* Exercise directions *
Wherever "Concrete" shows up in the records below, copy the whole line.

* Data provided *
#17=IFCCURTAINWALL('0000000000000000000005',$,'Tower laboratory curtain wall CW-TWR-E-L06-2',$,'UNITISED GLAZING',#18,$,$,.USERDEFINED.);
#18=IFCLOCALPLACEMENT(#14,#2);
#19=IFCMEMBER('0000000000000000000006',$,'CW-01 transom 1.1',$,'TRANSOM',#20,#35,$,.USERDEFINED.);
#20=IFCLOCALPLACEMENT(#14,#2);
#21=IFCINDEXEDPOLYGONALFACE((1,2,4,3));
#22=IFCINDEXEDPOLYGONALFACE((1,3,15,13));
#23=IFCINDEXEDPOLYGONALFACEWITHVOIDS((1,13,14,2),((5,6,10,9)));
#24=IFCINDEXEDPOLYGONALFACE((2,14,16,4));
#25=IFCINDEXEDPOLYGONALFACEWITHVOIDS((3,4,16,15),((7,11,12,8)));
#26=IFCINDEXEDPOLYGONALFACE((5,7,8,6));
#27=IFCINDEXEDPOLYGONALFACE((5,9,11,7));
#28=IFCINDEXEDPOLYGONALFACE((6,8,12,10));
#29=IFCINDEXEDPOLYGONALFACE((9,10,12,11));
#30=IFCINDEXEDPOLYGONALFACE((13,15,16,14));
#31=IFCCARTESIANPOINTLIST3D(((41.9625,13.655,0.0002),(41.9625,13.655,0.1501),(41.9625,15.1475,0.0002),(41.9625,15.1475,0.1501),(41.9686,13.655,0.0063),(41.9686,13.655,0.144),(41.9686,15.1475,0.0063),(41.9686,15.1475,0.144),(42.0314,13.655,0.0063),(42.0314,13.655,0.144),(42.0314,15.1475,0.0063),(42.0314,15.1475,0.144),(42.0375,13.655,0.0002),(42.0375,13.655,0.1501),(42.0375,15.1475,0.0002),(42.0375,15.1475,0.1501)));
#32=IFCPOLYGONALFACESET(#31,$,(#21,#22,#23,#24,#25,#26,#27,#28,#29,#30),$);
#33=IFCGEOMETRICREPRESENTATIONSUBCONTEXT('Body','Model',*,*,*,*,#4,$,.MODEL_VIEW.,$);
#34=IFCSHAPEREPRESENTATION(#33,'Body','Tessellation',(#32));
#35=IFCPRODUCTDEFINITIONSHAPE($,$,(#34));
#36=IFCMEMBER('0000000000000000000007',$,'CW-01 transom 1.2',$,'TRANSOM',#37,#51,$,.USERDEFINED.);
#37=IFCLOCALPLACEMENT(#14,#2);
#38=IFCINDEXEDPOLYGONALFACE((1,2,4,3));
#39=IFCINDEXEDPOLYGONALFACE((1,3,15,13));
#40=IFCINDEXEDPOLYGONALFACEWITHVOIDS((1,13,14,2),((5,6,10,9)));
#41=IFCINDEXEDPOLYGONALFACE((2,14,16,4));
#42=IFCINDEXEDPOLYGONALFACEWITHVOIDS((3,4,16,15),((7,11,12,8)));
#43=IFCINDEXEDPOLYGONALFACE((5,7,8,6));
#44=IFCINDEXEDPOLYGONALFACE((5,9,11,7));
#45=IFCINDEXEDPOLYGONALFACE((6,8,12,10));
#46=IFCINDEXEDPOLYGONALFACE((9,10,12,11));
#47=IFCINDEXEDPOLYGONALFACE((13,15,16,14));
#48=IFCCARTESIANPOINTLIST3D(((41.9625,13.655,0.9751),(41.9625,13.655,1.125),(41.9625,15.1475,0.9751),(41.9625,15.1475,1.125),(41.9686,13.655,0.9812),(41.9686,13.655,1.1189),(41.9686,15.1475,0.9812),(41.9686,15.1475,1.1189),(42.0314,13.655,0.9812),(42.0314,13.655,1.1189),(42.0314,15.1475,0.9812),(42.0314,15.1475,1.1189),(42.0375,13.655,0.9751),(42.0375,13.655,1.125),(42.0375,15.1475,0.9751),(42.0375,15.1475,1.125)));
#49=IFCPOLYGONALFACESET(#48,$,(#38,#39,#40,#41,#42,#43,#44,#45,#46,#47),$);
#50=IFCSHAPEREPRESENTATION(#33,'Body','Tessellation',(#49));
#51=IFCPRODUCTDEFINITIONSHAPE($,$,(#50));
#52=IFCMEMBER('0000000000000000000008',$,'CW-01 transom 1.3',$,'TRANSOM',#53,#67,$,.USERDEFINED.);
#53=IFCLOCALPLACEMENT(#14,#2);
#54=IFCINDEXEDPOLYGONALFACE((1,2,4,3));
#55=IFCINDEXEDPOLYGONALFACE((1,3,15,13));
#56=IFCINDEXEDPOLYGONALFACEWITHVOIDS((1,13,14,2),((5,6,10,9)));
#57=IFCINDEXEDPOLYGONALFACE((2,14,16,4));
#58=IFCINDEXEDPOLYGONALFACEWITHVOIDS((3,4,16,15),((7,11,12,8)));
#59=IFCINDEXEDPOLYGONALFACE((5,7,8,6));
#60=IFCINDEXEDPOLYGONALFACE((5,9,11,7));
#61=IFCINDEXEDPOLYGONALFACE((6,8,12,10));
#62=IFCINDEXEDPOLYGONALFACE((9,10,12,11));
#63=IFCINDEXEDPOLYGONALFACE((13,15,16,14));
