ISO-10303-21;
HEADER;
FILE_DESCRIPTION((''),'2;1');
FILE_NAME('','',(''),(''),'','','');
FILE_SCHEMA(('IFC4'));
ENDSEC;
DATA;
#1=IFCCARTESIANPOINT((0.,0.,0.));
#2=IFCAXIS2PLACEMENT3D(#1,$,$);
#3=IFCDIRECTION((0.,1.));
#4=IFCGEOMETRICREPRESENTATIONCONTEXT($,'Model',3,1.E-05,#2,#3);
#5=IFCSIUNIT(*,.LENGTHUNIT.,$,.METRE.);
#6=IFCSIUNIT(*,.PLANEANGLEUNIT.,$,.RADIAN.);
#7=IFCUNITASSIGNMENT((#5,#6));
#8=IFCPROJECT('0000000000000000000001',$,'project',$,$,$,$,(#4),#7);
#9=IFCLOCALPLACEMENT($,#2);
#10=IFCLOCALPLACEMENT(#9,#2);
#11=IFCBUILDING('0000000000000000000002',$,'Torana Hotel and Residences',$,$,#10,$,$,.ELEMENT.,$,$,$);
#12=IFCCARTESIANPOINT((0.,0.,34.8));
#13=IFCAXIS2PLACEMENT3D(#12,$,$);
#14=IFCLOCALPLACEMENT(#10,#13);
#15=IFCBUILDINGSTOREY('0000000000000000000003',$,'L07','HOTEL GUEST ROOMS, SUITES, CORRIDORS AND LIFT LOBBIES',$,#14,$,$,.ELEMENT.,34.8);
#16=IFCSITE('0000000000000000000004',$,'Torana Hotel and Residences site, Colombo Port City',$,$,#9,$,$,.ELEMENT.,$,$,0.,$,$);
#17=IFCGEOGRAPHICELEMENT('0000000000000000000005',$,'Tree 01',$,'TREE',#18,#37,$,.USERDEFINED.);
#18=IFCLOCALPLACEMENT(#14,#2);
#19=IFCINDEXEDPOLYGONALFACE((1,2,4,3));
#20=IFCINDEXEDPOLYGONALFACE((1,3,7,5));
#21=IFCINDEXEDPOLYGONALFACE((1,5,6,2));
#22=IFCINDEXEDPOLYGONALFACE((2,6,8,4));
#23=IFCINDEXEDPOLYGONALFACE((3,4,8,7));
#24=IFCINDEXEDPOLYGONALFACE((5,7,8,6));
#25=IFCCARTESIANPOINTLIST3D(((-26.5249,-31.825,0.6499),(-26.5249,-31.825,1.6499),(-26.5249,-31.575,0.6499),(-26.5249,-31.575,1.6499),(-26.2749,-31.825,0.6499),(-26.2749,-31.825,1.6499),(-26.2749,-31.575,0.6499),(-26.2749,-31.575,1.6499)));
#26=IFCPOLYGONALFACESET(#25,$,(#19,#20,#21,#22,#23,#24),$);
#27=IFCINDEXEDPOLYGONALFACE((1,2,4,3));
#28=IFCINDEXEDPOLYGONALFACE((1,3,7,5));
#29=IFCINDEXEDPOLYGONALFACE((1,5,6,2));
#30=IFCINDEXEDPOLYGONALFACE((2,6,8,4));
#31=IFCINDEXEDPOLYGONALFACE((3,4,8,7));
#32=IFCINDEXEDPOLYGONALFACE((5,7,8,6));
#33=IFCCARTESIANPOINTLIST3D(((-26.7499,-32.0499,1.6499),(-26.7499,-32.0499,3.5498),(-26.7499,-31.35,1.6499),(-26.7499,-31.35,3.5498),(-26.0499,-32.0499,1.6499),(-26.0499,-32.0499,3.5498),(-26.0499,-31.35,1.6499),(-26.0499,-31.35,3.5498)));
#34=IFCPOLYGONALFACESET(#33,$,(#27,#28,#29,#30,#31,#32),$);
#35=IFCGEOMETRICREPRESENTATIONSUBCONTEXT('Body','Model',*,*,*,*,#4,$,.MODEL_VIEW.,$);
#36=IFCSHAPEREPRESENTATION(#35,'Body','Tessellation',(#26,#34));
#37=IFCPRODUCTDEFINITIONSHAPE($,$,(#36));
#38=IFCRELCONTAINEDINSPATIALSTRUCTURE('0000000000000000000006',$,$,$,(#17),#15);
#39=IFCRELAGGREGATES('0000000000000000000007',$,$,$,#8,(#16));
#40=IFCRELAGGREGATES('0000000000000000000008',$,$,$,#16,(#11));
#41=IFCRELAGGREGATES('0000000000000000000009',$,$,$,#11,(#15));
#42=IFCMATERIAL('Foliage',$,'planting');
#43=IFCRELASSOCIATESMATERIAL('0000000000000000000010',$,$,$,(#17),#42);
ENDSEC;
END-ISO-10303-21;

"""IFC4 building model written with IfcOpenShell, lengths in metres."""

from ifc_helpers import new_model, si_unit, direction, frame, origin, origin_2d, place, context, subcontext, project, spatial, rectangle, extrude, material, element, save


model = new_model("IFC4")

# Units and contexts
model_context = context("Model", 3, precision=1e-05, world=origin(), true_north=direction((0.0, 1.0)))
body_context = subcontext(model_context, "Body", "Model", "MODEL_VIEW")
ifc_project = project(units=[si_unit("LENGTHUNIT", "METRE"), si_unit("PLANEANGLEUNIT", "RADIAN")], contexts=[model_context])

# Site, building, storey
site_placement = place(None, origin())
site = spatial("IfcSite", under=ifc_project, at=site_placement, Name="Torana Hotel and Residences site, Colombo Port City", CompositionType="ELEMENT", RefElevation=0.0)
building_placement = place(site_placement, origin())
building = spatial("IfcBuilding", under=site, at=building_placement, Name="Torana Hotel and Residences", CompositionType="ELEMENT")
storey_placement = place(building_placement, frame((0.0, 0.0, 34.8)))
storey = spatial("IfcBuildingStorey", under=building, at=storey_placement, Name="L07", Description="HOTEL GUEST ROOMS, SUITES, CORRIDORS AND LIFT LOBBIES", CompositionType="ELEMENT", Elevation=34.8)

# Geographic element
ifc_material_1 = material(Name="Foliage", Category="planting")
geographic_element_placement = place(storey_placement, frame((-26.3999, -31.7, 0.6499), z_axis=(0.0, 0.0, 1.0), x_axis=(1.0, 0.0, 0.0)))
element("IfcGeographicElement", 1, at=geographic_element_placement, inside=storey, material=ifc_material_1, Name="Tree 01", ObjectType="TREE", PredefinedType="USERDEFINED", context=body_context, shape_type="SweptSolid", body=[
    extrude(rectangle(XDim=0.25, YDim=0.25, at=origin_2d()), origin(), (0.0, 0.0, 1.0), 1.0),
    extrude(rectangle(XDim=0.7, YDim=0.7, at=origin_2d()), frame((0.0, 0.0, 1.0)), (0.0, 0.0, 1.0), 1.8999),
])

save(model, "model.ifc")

...

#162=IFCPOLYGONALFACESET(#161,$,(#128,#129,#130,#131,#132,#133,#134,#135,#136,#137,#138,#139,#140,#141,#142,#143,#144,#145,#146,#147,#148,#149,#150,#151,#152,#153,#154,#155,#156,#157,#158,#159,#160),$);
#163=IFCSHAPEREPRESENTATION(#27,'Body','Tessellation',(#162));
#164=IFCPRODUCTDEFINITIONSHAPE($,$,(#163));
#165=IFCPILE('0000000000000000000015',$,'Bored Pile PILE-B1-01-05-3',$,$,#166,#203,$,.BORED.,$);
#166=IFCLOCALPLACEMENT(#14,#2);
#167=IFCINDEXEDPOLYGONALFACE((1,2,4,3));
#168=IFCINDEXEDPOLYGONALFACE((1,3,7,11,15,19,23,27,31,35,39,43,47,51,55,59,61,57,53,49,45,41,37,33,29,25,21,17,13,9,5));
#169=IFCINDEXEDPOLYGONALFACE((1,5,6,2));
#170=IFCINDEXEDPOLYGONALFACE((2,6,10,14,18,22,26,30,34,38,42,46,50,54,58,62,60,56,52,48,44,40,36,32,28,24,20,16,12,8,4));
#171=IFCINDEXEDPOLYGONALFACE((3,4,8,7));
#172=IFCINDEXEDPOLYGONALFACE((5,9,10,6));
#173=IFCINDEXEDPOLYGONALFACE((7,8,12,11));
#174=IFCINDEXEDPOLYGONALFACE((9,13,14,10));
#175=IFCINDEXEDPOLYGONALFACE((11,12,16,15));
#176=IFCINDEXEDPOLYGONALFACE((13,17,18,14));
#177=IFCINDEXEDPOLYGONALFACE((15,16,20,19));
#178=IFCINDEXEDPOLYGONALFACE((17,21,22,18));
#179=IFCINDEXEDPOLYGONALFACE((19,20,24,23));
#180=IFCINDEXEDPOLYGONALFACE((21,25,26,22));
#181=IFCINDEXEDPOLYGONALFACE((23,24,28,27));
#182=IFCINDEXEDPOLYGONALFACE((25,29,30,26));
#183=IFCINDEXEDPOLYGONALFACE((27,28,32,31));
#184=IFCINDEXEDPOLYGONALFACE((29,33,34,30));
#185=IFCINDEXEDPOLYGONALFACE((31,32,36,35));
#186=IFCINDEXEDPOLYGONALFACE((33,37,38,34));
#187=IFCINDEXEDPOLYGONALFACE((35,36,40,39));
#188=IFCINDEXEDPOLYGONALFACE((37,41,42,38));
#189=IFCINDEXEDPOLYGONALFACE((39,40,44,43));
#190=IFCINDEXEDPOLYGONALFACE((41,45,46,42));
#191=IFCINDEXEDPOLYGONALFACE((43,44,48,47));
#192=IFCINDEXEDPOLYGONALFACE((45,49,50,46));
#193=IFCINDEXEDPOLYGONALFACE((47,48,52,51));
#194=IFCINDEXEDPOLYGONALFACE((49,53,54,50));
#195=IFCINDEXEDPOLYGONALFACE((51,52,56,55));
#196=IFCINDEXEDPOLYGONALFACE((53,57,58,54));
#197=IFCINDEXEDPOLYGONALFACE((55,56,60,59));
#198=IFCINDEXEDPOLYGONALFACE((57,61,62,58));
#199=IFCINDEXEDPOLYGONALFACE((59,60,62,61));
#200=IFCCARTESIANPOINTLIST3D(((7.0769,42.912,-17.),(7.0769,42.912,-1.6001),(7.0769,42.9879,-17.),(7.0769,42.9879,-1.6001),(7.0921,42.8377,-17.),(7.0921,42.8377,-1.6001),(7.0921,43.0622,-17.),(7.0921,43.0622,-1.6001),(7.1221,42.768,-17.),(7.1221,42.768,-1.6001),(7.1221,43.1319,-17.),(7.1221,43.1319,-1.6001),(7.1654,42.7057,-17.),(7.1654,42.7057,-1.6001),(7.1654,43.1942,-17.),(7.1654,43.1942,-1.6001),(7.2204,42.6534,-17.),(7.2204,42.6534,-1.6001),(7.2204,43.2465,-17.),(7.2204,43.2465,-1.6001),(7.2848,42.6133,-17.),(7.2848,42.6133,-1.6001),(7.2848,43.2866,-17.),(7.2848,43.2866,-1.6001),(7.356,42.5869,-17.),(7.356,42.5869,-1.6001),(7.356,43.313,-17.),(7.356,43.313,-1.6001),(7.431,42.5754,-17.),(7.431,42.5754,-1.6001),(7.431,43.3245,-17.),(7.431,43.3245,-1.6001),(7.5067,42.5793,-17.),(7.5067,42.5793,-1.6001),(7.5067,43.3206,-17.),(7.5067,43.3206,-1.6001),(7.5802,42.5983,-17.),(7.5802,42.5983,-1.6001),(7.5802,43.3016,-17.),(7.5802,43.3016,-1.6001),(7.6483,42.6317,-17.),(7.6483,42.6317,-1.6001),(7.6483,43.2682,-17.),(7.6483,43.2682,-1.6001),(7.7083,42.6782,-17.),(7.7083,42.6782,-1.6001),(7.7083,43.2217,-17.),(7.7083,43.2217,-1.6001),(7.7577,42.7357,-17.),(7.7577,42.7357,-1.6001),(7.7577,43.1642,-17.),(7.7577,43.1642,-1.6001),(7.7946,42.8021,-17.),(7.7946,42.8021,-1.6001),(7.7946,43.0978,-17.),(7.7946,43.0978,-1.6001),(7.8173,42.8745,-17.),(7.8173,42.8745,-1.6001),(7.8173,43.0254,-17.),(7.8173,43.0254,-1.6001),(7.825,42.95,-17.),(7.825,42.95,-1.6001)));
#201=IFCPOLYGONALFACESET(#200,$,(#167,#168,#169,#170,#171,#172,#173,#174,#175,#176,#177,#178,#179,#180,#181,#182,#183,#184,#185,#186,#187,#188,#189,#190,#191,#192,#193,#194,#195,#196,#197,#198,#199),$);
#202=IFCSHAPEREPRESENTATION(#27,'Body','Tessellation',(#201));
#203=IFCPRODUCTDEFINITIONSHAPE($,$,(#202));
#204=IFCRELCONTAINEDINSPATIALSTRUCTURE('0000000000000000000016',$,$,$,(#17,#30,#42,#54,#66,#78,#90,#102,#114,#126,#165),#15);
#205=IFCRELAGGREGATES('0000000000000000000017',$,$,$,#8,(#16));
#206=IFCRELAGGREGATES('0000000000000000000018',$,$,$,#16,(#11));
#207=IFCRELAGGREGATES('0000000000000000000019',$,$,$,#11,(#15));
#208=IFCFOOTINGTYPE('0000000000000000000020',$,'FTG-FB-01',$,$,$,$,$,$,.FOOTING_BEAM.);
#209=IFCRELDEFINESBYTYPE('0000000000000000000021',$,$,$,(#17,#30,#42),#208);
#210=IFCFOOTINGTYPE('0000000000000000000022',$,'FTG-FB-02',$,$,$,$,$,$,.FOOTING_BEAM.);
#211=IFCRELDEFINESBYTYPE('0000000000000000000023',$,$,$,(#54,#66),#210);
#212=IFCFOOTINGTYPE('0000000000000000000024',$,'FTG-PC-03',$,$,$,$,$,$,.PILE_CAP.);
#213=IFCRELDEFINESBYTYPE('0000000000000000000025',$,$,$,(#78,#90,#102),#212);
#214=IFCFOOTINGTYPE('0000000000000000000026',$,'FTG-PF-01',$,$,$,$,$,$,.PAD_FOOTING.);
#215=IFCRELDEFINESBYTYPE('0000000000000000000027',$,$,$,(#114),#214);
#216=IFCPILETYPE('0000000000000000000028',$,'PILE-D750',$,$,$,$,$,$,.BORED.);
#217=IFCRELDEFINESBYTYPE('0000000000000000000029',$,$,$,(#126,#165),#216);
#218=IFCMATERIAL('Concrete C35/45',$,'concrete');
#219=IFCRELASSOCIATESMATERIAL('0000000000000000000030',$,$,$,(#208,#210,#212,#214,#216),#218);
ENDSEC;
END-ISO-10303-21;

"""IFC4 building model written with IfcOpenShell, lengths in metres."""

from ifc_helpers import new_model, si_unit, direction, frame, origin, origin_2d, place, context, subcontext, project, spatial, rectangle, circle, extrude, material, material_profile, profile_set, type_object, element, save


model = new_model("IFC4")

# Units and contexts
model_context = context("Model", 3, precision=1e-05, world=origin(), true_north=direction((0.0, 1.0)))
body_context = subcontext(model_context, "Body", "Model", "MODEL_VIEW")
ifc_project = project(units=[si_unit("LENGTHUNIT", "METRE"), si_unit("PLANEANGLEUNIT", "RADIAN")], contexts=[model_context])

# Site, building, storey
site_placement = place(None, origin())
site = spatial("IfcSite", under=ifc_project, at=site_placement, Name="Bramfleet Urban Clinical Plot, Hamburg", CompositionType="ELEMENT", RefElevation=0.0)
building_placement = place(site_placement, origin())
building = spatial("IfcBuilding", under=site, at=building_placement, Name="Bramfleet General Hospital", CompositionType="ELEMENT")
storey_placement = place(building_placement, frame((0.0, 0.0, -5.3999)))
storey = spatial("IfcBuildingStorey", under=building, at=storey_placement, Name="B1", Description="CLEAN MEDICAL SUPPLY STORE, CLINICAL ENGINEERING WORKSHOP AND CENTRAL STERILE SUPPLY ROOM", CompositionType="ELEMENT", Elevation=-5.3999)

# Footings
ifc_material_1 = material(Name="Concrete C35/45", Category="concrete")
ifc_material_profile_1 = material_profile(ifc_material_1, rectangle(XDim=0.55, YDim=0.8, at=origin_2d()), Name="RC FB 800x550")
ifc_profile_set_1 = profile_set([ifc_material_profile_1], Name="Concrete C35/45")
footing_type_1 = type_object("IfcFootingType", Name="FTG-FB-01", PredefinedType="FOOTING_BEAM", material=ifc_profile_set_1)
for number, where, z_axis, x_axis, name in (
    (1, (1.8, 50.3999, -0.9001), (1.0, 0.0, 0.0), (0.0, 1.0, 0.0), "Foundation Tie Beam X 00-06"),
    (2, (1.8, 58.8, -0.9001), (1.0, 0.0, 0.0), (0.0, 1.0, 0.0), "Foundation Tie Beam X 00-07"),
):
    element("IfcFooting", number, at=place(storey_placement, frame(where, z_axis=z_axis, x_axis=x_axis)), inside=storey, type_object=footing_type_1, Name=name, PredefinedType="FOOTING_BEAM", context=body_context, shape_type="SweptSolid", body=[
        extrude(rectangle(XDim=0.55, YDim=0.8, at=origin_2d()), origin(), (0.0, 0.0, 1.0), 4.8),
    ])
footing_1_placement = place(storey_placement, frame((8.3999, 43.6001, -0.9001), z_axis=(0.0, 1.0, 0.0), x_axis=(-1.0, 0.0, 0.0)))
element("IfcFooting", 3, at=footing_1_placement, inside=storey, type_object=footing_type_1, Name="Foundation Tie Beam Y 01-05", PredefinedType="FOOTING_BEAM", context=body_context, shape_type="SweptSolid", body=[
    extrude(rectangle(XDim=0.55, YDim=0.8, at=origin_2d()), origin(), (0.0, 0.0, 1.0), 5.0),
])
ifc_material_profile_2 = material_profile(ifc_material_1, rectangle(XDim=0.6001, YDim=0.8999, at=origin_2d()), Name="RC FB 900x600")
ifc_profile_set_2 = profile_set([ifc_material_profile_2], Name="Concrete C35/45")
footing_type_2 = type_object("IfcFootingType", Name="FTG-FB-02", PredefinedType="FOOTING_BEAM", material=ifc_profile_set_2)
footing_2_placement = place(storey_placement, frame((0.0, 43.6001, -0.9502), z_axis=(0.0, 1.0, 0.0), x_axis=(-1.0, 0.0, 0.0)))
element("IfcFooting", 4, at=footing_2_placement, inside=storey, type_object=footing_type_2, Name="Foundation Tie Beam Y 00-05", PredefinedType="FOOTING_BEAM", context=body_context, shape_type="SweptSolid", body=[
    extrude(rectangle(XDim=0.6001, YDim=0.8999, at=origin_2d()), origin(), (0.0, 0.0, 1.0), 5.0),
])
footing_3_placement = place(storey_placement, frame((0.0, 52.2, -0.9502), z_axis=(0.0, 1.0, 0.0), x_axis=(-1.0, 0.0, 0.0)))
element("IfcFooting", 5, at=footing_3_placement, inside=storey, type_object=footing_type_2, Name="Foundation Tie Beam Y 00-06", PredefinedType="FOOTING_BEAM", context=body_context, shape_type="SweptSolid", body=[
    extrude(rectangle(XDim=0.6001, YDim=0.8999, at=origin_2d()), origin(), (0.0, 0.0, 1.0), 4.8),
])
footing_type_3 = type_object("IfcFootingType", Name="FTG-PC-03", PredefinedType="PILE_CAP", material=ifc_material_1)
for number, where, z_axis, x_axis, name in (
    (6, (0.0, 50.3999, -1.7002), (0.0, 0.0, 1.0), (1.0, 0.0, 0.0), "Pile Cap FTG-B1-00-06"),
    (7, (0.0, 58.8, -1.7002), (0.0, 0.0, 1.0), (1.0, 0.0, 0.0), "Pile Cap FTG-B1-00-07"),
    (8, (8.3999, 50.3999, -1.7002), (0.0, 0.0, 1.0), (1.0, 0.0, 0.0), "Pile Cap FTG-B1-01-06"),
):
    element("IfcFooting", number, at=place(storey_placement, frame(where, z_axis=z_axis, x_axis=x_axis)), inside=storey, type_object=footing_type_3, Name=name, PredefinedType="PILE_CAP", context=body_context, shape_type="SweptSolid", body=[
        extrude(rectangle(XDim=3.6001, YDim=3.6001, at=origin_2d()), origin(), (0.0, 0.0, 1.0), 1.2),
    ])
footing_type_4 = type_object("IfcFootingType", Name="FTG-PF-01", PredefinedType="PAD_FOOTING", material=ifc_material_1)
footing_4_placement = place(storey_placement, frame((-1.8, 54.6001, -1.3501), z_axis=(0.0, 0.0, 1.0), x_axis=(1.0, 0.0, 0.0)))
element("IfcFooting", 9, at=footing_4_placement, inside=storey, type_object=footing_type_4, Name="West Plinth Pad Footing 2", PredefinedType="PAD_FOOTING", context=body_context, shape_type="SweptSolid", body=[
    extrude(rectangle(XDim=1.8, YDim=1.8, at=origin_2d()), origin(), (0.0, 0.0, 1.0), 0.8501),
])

* Result below *
#218=IFCMATERIAL('Concrete C35/45',$,'concrete');
ifc_material_1 = material(Name="Concrete C35/45", Category="concrete")
ifc_profile_set_1 = profile_set([ifc_material_profile_1], Name="Concrete C35/45")
ifc_profile_set_2 = profile_set([ifc_material_profile_2], Name="Concrete C35/45")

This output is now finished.